'''

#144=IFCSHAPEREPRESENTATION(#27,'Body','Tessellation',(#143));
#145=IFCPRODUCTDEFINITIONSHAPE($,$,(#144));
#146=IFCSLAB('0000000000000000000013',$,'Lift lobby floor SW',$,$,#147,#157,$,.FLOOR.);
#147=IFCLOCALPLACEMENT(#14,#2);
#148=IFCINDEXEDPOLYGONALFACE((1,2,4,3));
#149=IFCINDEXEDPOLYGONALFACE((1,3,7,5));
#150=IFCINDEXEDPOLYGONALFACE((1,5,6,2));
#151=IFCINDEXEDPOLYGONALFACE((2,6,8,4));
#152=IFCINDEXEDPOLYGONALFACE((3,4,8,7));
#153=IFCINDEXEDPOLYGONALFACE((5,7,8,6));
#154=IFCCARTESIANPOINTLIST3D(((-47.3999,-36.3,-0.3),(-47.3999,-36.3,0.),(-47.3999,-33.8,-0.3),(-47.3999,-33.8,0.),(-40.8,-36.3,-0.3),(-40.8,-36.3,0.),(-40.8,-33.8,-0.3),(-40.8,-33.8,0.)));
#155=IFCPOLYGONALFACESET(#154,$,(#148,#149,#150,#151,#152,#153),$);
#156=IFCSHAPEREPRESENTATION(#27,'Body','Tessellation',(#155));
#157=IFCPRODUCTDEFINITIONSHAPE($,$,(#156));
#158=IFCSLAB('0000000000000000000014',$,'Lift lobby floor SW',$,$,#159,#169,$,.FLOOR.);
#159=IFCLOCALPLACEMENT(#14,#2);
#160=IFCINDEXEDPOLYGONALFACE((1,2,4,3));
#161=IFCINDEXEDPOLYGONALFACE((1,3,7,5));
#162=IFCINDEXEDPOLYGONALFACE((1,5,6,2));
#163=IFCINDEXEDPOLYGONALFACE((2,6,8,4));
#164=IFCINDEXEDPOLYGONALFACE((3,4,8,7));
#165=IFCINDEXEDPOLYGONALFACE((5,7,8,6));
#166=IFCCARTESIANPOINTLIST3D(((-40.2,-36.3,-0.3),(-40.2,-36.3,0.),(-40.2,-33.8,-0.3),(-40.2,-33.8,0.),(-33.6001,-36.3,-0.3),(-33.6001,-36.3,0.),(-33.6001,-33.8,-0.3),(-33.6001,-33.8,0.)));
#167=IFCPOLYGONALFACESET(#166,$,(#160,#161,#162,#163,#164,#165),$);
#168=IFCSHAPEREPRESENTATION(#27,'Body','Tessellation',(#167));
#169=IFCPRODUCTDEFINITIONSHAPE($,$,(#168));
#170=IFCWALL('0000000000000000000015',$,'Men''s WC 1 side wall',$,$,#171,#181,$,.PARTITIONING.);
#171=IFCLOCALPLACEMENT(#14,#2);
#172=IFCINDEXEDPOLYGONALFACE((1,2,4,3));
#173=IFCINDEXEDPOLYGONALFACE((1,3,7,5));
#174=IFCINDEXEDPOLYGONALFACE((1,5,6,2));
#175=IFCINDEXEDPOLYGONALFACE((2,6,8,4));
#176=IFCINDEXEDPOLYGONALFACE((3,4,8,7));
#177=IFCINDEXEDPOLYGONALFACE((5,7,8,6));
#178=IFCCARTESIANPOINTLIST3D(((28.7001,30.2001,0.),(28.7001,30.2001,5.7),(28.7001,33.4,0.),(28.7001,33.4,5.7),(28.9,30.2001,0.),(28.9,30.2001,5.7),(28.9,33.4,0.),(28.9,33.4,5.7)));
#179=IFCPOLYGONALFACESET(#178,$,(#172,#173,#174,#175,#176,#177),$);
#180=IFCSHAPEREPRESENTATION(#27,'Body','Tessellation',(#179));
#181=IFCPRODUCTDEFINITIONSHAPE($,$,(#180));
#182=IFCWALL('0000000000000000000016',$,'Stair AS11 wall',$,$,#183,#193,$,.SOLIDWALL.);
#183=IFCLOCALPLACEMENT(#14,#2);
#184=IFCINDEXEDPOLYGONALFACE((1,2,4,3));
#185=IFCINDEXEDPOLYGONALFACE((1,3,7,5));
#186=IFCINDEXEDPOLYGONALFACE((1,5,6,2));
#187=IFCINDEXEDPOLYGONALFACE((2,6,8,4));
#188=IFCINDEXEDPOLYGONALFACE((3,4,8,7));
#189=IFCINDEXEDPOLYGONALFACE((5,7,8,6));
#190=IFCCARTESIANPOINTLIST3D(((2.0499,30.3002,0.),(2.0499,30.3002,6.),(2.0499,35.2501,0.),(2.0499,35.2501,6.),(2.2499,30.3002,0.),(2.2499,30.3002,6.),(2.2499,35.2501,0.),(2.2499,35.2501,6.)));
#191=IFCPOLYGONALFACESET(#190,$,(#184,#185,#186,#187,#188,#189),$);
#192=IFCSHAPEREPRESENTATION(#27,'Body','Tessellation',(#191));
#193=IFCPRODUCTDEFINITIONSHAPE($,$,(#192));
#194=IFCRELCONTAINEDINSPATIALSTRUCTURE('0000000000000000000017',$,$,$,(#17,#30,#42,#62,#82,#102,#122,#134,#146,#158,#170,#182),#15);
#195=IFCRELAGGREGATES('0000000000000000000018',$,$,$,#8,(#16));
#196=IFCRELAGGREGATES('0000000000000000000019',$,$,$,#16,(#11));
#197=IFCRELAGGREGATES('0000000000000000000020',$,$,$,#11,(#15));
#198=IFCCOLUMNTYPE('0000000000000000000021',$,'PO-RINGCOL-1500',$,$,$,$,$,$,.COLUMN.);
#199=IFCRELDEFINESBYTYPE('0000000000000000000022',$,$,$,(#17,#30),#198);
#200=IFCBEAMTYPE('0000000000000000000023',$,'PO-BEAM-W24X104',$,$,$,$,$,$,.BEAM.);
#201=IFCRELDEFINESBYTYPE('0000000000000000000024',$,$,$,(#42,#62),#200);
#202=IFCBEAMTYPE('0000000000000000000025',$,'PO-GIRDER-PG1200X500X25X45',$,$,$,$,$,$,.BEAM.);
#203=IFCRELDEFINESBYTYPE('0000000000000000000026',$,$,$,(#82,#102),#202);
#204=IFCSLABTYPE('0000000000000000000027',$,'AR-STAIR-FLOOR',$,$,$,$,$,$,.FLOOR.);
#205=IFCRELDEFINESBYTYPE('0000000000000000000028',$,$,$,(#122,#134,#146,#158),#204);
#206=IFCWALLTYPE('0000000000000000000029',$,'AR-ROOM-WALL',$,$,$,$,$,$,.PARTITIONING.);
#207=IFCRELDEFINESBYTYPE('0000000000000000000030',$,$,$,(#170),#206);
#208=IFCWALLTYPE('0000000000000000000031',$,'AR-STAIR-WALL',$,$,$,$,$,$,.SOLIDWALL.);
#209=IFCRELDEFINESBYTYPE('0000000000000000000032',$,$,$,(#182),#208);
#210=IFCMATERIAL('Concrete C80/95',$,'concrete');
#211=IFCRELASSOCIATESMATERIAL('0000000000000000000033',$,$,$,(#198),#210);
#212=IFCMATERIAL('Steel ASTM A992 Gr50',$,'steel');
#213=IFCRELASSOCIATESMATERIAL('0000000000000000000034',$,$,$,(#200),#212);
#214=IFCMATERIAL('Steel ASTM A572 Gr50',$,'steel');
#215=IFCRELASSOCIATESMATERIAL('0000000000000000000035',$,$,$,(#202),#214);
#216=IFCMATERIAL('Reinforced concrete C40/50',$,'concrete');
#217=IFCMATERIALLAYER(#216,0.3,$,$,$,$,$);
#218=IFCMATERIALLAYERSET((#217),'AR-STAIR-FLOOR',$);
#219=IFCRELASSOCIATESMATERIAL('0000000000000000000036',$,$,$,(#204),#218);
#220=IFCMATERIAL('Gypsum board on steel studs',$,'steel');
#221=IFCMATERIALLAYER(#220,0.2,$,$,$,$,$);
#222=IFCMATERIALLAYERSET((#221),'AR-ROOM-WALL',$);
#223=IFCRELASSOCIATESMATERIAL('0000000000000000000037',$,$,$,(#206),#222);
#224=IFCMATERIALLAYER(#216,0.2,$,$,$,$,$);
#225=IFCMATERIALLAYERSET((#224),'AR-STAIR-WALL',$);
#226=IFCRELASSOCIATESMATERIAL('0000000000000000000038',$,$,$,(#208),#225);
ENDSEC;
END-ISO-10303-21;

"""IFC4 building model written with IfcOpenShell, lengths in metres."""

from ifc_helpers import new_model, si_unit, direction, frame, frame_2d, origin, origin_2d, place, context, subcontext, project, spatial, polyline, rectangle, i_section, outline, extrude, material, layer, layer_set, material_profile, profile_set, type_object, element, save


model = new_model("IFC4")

'''

## TASK INSTRUCTIONS
Copy the entries word for word. Start at the first line and end with the line containing "#160=IFCINDEXEDPOLYGONALFACE((1,2,4,3));".

## EXERCISE RESULT
#144=IFCSHAPEREPRESENTATION(#27,'Body','Tessellation',(#143));
#145=IFCPRODUCTDEFINITIONSHAPE($,$,(#144));
#146=IFCSLAB('0000000000000000000013',$,'Lift lobby floor SW',$,$,#147,#157,$,.FLOOR.);
#147=IFCLOCALPLACEMENT(#14,#2);
#148=IFCINDEXEDPOLYGONALFACE((1,2,4,3));
#149=IFCINDEXEDPOLYGONALFACE((1,3,7,5));
#150=IFCINDEXEDPOLYGONALFACE((1,5,6,2));
#151=IFCINDEXEDPOLYGONALFACE((2,6,8,4));
#152=IFCINDEXEDPOLYGONALFACE((3,4,8,7));
#153=IFCINDEXEDPOLYGONALFACE((5,7,8,6));
#154=IFCCARTESIANPOINTLIST3D(((-47.3999,-36.3,-0.3),(-47.3999,-36.3,0.),(-47.3999,-33.8,-0.3),(-47.3999,-33.8,0.),(-40.8,-36.3,-0.3),(-40.8,-36.3,0.),(-40.8,-33.8,-0.3),(-40.8,-33.8,0.)));
#155=IFCPOLYGONALFACESET(#154,$,(#148,#149,#150,#151,#152,#153),$);
#156=IFCSHAPEREPRESENTATION(#27,'Body','Tessellation',(#155));
#157=IFCPRODUCTDEFINITIONSHAPE($,$,(#156));
#158=IFCSLAB('0000000000000000000014',$,'Lift lobby floor SW',$,$,#159,#169,$,.FLOOR.);
#159=IFCLOCALPLACEMENT(#14,#2);
#160=IFCINDEXEDPOLYGONALFACE((1,2,4,3));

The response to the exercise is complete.